Among the entries below, extract exactly the lines that run from the one with "#43=IFCLOCALPLACEMENT(#14,#2);" through the one with "#75=IFCINDEXEDPOLYGONALFACE((2,6,8,4));", both ends included.
————
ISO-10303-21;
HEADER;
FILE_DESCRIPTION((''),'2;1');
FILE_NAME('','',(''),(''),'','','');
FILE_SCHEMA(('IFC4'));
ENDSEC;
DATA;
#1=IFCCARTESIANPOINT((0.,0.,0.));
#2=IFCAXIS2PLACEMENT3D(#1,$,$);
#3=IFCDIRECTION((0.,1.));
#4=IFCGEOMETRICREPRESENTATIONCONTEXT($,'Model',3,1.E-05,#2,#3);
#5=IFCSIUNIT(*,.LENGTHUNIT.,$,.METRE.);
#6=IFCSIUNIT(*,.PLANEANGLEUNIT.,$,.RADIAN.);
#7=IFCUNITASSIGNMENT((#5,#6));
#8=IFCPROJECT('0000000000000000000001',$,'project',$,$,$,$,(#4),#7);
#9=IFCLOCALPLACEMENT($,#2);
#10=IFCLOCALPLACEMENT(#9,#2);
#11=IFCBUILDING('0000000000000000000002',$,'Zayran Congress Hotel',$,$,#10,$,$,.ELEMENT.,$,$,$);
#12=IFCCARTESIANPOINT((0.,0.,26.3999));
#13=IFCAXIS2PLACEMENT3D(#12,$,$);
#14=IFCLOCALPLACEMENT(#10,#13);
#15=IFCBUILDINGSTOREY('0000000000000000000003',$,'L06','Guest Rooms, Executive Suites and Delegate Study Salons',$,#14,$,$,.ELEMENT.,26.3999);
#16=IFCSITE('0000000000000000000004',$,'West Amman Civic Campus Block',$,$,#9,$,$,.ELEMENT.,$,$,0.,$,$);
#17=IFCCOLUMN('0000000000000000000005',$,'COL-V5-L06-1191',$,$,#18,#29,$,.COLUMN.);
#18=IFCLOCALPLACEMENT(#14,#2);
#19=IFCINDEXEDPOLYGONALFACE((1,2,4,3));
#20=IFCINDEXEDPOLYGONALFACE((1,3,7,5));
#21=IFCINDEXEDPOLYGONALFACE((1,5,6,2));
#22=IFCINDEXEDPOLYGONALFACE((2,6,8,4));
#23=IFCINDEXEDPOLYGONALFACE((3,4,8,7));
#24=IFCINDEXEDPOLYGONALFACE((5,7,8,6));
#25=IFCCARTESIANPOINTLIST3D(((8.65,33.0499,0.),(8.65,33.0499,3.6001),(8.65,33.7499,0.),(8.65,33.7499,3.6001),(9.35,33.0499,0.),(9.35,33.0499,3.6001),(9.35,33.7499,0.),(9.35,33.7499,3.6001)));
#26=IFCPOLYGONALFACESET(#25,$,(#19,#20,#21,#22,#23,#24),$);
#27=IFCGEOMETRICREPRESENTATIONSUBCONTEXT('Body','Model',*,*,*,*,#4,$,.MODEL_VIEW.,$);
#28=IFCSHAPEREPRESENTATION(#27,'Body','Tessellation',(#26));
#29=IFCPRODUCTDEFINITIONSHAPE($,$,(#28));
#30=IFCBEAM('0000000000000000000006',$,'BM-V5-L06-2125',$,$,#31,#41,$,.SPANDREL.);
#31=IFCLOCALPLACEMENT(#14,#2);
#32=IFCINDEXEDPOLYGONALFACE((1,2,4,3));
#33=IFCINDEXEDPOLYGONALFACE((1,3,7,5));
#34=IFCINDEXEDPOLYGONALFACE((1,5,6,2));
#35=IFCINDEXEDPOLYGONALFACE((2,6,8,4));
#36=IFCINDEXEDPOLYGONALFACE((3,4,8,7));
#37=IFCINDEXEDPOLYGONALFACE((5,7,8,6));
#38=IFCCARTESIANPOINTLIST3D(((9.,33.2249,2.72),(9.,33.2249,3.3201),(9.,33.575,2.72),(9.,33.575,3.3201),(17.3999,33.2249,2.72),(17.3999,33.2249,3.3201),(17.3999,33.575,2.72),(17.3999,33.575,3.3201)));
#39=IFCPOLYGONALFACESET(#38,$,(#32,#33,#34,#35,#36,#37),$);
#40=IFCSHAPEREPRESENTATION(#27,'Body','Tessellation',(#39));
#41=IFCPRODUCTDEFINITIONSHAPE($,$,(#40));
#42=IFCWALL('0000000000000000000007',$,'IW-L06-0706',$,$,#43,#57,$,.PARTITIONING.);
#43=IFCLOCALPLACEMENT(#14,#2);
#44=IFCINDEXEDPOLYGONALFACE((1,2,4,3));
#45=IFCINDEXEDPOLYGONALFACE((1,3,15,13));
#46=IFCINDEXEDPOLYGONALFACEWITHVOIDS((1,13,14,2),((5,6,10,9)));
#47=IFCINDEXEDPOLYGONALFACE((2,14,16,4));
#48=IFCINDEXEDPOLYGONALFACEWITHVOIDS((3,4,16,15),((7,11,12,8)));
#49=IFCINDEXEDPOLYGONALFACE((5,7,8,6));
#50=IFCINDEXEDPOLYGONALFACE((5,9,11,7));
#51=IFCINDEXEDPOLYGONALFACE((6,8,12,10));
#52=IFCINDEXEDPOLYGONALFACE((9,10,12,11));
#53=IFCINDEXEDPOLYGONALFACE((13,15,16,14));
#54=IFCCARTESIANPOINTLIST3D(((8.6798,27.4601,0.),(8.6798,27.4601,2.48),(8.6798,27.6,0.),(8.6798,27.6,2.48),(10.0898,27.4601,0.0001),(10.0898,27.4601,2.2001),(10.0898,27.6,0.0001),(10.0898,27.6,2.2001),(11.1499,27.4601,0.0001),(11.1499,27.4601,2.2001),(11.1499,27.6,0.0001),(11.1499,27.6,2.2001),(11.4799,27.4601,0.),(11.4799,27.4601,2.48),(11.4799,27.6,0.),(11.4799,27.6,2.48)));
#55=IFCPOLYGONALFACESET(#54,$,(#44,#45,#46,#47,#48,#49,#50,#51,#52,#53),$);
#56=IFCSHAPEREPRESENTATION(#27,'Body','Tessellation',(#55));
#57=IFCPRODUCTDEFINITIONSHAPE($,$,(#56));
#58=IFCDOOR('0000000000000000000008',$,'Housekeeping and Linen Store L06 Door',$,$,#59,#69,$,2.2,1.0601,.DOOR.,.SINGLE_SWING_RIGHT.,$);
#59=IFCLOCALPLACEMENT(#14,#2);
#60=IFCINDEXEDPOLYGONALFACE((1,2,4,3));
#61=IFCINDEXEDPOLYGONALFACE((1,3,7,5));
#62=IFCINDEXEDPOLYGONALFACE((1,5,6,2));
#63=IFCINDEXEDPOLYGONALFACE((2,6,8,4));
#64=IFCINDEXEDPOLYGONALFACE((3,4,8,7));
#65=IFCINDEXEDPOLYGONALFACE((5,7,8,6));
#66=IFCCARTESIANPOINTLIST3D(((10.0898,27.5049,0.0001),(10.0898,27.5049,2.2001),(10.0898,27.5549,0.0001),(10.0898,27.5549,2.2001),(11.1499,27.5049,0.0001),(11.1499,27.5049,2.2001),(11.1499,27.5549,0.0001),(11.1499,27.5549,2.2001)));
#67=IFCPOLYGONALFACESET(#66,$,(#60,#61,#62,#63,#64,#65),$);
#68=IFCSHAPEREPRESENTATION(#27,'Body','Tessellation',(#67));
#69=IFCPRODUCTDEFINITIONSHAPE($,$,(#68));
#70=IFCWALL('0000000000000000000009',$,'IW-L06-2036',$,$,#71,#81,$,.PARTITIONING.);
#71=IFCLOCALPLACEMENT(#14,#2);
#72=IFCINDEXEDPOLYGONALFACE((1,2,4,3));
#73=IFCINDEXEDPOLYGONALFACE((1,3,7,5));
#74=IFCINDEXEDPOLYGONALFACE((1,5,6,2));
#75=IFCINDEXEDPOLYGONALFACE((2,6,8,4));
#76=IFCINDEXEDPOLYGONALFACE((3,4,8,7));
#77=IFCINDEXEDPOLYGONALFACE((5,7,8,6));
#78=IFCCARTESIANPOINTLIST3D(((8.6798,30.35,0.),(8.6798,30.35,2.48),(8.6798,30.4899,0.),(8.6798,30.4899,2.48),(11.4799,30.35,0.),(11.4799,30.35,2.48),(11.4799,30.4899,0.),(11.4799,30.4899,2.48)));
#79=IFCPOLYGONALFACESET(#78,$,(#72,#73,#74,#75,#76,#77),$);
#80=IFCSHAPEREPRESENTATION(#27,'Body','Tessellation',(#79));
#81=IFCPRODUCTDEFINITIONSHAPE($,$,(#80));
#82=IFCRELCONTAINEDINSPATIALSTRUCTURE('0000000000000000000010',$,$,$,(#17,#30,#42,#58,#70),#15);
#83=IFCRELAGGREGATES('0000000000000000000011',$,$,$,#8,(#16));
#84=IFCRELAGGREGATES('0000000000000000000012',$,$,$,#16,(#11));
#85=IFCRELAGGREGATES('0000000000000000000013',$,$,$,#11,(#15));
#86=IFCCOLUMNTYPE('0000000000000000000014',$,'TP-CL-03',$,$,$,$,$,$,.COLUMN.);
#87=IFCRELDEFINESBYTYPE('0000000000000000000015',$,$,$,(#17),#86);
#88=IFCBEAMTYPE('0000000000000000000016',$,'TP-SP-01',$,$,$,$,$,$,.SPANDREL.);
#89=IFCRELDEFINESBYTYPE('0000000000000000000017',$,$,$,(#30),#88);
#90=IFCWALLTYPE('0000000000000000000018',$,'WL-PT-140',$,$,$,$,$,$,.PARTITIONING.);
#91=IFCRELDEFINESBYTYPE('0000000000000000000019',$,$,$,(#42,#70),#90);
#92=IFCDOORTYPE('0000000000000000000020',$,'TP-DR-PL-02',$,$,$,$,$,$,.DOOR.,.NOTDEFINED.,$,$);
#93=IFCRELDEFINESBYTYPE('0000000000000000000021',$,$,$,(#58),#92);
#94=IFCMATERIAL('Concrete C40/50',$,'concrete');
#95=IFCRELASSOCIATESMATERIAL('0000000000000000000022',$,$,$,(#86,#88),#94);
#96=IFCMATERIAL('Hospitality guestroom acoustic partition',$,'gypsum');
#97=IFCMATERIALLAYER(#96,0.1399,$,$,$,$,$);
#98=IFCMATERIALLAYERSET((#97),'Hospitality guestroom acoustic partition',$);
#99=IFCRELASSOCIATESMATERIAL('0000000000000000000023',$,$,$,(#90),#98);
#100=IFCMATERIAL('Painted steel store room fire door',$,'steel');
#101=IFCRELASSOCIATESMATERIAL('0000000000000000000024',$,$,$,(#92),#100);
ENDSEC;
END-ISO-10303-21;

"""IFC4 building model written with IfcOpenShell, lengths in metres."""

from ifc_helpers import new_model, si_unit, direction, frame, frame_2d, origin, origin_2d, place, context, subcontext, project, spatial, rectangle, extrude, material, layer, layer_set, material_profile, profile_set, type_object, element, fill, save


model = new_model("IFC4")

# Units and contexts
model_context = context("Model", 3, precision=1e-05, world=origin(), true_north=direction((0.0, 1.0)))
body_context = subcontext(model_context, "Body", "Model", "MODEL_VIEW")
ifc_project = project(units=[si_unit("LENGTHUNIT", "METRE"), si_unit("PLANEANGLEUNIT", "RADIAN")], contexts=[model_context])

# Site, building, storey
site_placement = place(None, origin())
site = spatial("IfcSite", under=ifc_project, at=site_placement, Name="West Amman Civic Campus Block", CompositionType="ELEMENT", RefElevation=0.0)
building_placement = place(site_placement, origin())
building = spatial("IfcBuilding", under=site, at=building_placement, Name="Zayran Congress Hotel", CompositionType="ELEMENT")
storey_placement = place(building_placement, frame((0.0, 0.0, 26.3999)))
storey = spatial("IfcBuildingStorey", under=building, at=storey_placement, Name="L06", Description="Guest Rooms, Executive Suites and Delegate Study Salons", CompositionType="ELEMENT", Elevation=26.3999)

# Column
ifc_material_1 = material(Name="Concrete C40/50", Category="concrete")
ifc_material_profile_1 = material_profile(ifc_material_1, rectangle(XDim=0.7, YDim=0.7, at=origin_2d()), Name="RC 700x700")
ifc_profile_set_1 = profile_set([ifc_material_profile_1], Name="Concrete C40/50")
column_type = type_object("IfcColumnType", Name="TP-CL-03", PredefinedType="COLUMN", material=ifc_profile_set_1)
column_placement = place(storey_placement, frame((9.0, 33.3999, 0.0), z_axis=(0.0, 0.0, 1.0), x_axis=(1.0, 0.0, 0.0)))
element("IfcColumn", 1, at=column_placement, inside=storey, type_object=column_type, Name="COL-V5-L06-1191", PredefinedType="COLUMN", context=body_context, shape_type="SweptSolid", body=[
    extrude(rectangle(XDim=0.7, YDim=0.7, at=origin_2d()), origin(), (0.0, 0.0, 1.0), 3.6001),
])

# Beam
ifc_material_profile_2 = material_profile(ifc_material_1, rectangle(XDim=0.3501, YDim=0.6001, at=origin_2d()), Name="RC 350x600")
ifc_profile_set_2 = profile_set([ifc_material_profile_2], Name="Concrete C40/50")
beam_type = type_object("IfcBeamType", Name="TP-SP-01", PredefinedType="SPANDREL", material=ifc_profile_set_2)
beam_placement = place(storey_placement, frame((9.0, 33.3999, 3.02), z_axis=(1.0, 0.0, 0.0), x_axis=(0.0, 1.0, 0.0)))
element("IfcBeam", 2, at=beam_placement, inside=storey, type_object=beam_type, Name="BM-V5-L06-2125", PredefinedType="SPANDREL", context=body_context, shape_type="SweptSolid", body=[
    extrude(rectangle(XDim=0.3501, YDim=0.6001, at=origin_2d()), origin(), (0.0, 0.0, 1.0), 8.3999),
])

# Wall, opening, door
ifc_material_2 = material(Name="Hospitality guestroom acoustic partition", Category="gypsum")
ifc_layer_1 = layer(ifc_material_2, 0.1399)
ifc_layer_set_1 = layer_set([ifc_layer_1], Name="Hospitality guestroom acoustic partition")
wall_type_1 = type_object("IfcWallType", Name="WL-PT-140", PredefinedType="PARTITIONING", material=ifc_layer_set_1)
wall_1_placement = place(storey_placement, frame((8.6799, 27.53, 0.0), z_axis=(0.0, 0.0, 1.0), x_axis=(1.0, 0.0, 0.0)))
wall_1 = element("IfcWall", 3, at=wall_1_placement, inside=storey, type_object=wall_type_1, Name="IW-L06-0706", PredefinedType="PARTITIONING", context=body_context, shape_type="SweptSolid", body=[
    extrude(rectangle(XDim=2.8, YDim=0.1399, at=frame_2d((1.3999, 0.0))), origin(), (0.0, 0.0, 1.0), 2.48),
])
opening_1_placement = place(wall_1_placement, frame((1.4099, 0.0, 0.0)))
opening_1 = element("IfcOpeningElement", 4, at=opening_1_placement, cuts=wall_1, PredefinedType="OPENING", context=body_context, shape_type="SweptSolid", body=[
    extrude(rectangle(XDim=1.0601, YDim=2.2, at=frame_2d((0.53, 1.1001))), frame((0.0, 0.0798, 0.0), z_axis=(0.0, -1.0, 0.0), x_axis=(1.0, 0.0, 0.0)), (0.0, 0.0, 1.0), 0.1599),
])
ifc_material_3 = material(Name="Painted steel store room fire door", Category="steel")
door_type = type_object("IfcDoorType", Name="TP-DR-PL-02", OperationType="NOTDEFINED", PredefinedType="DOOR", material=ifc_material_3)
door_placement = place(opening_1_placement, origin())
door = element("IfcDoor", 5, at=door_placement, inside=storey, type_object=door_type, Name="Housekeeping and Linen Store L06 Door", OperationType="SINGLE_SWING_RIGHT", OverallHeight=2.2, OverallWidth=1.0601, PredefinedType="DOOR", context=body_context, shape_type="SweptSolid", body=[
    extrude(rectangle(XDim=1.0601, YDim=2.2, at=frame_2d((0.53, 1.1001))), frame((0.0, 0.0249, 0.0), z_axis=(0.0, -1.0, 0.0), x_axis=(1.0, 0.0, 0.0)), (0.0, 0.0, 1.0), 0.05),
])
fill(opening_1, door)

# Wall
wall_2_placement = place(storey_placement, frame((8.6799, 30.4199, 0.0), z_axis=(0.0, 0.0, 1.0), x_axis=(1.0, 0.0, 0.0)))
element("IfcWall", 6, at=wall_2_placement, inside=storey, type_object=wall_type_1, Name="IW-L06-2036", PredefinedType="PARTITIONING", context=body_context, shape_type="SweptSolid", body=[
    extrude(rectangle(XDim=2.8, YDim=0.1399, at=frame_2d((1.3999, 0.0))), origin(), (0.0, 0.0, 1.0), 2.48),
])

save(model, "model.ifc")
————
**REPLY:**
#43=IFCLOCALPLACEMENT(#14,#2);
#44=IFCINDEXEDPOLYGONALFACE((1,2,4,3));
#45=IFCINDEXEDPOLYGONALFACE((1,3,15,13));
#46=IFCINDEXEDPOLYGONALFACEWITHVOIDS((1,13,14,2),((5,6,10,9)));
#47=IFCINDEXEDPOLYGONALFACE((2,14,16,4));
#48=IFCINDEXEDPOLYGONALFACEWITHVOIDS((3,4,16,15),((7,11,12,8)));
#49=IFCINDEXEDPOLYGONALFACE((5,7,8,6));
#50=IFCINDEXEDPOLYGONALFACE((5,9,11,7));
#51=IFCINDEXEDPOLYGONALFACE((6,8,12,10));
#52=IFCINDEXEDPOLYGONALFACE((9,10,12,11));
#53=IFCINDEXEDPOLYGONALFACE((13,15,16,14));
#54=IFCCARTESIANPOINTLIST3D(((8.6798,27.4601,0.),(8.6798,27.4601,2.48),(8.6798,27.6,0.),(8.6798,27.6,2.48),(10.0898,27.4601,0.0001),(10.0898,27.4601,2.2001),(10.0898,27.6,0.0001),(10.0898,27.6,2.2001),(11.1499,27.4601,0.0001),(11.1499,27.4601,2.2001),(11.1499,27.6,0.0001),(11.1499,27.6,2.2001),(11.4799,27.4601,0.),(11.4799,27.4601,2.48),(11.4799,27.6,0.),(11.4799,27.6,2.48)));
#55=IFCPOLYGONALFACESET(#54,$,(#44,#45,#46,#47,#48,#49,#50,#51,#52,#53),$);
#56=IFCSHAPEREPRESENTATION(#27,'Body','Tessellation',(#55));
#57=IFCPRODUCTDEFINITIONSHAPE($,$,(#56));
#58=IFCDOOR('0000000000000000000008',$,'Housekeeping and Linen Store L06 Door',$,$,#59,#69,$,2.2,1.0601,.DOOR.,.SINGLE_SWING_RIGHT.,$);
#59=IFCLOCALPLACEMENT(#14,#2);
#60=IFCINDEXEDPOLYGONALFACE((1,2,4,3));
#61=IFCINDEXEDPOLYGONALFACE((1,3,7,5));
#62=IFCINDEXEDPOLYGONALFACE((1,5,6,2));
#63=IFCINDEXEDPOLYGONALFACE((2,6,8,4));
#64=IFCINDEXEDPOLYGONALFACE((3,4,8,7));
#65=IFCINDEXEDPOLYGONALFACE((5,7,8,6));
#66=IFCCARTESIANPOINTLIST3D(((10.0898,27.5049,0.0001),(10.0898,27.5049,2.2001),(10.0898,27.5549,0.0001),(10.0898,27.5549,2.2001),(11.1499,27.5049,0.0001),(11.1499,27.5049,2.2001),(11.1499,27.5549,0.0001),(11.1499,27.5549,2.2001)));
#67=IFCPOLYGONALFACESET(#66,$,(#60,#61,#62,#63,#64,#65),$);
#68=IFCSHAPEREPRESENTATION(#27,'Body','Tessellation',(#67));
#69=IFCPRODUCTDEFINITIONSHAPE($,$,(#68));
#70=IFCWALL('0000000000000000000009',$,'IW-L06-2036',$,$,#71,#81,$,.PARTITIONING.);
#71=IFCLOCALPLACEMENT(#14,#2);
#72=IFCINDEXEDPOLYGONALFACE((1,2,4,3));
#73=IFCINDEXEDPOLYGONALFACE((1,3,7,5));
#74=IFCINDEXEDPOLYGONALFACE((1,5,6,2));
#75=IFCINDEXEDPOLYGONALFACE((2,6,8,4));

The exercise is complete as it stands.